YOUR ASSIGNMENT: Scan the data that follows and count the lines with the string "number"; answer with the count alone.

---------- RECORDS TO PROCESS ----------

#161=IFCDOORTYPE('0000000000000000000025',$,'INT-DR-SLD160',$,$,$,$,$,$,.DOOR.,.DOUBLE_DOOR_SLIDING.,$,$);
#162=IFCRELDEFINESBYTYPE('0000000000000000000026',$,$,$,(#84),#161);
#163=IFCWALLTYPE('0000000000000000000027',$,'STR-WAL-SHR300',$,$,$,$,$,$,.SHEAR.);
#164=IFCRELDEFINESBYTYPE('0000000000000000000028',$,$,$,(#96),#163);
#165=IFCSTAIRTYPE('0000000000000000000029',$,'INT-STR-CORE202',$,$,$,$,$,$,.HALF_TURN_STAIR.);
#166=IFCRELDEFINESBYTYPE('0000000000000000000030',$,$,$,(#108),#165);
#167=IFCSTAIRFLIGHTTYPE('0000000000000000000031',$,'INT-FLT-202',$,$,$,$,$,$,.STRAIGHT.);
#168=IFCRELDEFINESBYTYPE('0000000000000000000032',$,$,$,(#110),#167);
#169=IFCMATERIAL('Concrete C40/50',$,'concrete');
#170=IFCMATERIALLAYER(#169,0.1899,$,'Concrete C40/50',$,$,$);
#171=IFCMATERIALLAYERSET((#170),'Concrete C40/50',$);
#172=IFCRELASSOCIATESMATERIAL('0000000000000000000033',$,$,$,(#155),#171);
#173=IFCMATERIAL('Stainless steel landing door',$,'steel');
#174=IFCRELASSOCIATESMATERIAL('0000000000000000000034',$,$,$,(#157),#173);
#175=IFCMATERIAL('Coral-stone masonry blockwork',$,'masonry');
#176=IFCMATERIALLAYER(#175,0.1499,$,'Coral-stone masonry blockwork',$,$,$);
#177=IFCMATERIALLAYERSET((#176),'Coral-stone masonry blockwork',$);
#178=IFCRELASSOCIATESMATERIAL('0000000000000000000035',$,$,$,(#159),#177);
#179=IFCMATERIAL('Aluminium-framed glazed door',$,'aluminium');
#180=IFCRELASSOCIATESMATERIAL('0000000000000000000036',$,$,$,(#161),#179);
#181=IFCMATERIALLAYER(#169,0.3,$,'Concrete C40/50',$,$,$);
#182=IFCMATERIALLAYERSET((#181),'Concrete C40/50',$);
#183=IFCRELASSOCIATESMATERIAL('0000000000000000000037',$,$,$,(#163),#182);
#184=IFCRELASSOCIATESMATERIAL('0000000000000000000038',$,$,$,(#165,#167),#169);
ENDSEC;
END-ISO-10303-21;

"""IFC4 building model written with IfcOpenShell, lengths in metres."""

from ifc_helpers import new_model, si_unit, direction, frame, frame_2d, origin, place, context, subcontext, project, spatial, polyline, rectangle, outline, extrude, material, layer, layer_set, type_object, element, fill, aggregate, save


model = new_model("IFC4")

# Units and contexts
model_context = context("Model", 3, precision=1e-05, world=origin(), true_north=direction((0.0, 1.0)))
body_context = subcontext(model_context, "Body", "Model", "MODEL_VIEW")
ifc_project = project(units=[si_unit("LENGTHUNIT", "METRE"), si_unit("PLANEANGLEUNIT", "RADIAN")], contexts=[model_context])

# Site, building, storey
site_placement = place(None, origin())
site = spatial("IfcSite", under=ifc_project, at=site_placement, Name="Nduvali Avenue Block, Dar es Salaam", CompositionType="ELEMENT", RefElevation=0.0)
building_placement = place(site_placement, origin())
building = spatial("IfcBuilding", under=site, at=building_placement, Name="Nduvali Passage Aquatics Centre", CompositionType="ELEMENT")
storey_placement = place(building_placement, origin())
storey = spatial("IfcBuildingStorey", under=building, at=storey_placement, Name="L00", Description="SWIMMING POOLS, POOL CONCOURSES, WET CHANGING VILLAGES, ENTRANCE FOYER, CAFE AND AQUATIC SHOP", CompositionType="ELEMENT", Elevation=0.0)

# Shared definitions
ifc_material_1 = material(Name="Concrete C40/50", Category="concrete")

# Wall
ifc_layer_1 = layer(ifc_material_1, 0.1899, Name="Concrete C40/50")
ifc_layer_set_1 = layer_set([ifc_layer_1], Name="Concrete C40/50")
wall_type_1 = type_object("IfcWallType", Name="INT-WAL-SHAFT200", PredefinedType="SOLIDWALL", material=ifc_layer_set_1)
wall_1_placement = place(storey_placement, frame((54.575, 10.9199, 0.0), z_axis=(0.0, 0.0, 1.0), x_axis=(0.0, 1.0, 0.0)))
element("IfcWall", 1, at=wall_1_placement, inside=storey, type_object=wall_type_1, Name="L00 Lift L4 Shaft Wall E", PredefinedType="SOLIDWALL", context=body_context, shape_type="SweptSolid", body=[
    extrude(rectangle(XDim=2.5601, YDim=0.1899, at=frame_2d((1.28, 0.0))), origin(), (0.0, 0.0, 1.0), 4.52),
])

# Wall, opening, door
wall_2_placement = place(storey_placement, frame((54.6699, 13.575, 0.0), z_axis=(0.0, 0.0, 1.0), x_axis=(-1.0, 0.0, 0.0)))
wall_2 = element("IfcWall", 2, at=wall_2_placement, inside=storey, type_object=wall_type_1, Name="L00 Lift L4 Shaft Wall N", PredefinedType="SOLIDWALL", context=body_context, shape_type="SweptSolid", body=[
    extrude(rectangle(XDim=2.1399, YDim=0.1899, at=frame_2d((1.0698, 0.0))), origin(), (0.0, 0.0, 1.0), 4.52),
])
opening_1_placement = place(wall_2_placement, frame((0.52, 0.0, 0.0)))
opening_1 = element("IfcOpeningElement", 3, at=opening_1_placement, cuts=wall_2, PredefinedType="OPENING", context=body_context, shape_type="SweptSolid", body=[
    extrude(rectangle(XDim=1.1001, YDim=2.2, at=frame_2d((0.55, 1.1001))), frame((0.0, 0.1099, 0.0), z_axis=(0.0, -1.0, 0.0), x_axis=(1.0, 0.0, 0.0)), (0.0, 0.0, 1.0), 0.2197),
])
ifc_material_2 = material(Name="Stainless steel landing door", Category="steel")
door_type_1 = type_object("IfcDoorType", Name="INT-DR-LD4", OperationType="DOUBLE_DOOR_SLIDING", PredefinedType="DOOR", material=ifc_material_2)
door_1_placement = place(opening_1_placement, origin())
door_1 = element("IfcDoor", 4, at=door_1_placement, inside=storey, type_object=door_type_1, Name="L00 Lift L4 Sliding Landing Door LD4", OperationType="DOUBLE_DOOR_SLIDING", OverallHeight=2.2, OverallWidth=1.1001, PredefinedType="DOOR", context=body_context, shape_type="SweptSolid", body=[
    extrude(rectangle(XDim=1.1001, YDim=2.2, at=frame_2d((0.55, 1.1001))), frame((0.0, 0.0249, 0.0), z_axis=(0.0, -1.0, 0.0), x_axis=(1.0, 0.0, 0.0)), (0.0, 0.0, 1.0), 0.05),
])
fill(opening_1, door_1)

----------
---------- RECORDS TO PROCESS ----------

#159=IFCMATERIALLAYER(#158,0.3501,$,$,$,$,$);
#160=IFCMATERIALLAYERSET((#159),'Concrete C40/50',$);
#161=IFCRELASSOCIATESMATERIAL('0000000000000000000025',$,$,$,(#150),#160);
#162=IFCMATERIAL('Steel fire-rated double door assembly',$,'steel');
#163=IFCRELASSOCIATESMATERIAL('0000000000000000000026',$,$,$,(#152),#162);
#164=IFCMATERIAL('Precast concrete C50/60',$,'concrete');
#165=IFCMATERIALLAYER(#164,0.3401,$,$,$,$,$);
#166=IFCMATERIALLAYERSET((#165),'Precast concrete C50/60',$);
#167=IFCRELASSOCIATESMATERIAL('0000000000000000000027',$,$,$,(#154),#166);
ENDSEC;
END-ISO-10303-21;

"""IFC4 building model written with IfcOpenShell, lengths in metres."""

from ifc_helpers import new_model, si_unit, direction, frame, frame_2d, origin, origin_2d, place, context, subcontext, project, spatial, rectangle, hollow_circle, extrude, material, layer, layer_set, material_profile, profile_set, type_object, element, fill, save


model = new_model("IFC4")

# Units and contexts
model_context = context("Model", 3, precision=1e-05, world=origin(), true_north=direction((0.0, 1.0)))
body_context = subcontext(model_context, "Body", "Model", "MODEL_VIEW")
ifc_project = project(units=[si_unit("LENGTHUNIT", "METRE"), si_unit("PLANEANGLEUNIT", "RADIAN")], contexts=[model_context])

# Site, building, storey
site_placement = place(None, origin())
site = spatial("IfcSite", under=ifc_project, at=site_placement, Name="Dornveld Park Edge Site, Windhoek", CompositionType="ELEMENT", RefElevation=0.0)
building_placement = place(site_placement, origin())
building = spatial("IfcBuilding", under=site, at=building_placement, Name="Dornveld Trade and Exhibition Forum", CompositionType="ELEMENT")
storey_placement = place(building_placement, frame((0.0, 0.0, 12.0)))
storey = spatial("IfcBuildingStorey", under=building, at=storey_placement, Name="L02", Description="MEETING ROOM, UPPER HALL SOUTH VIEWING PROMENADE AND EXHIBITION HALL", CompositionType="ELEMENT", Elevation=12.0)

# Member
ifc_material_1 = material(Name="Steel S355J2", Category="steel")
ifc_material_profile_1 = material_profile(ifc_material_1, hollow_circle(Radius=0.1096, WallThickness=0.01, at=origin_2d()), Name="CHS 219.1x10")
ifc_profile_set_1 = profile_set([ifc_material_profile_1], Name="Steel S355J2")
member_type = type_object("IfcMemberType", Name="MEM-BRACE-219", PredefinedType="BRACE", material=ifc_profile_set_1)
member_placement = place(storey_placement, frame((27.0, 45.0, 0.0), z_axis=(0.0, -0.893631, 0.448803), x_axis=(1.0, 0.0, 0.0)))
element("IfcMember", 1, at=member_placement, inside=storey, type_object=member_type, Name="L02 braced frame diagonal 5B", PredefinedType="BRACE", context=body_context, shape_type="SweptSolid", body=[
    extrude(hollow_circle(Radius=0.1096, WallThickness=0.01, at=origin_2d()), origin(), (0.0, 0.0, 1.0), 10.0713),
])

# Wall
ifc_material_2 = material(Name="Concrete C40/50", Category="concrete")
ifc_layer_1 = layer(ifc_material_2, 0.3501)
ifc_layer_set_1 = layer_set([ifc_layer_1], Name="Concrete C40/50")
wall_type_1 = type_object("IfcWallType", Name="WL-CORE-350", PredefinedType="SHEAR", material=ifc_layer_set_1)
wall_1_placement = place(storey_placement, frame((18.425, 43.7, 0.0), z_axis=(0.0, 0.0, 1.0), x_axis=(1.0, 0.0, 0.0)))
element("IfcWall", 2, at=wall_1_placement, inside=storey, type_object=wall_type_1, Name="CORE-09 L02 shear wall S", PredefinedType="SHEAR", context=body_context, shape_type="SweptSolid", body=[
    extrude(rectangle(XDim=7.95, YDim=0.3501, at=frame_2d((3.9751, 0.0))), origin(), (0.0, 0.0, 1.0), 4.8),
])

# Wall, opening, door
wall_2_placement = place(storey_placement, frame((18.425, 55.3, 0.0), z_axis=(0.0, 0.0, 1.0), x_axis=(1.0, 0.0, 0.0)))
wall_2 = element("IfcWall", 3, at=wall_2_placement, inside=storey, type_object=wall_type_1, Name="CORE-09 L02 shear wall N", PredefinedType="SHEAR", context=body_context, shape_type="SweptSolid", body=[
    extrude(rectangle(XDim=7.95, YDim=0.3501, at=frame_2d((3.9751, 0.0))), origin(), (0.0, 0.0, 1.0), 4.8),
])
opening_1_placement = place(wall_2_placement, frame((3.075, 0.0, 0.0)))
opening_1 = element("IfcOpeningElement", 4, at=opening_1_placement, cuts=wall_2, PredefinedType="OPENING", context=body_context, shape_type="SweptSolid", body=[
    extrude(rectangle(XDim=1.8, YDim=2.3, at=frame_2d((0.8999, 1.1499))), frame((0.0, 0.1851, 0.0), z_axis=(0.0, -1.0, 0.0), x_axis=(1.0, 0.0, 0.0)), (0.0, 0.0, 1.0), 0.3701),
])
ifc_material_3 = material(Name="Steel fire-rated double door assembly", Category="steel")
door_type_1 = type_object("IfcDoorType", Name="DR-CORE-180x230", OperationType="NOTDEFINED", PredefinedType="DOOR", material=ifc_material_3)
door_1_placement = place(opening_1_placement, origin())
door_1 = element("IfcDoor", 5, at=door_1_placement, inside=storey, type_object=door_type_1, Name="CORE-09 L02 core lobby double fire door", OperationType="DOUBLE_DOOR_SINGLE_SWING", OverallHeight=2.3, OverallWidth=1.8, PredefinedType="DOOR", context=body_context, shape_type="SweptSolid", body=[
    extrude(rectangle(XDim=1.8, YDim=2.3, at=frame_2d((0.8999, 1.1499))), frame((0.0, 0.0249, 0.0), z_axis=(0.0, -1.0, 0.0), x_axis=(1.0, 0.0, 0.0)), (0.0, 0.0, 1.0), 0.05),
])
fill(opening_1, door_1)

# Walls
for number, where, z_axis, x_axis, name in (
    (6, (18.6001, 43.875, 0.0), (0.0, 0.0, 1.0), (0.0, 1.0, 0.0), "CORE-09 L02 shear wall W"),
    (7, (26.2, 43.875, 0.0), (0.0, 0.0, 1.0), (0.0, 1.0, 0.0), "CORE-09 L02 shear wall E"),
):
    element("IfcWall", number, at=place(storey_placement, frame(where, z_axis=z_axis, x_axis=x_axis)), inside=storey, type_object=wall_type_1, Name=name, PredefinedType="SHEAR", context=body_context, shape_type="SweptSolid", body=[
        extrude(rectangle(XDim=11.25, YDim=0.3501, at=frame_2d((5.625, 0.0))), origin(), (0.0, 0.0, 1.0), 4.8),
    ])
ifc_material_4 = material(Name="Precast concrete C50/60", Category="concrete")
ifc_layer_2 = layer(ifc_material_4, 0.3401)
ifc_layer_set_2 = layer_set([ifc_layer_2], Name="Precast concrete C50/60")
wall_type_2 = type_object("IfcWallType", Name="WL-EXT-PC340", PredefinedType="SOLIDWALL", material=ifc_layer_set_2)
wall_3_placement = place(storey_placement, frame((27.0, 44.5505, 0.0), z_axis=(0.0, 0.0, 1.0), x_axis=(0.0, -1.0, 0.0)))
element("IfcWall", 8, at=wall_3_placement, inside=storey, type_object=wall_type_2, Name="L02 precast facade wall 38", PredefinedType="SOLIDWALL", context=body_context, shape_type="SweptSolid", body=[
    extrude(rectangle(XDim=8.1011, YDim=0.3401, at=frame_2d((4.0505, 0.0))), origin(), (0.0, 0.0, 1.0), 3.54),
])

----------

FINISHED TASK: 2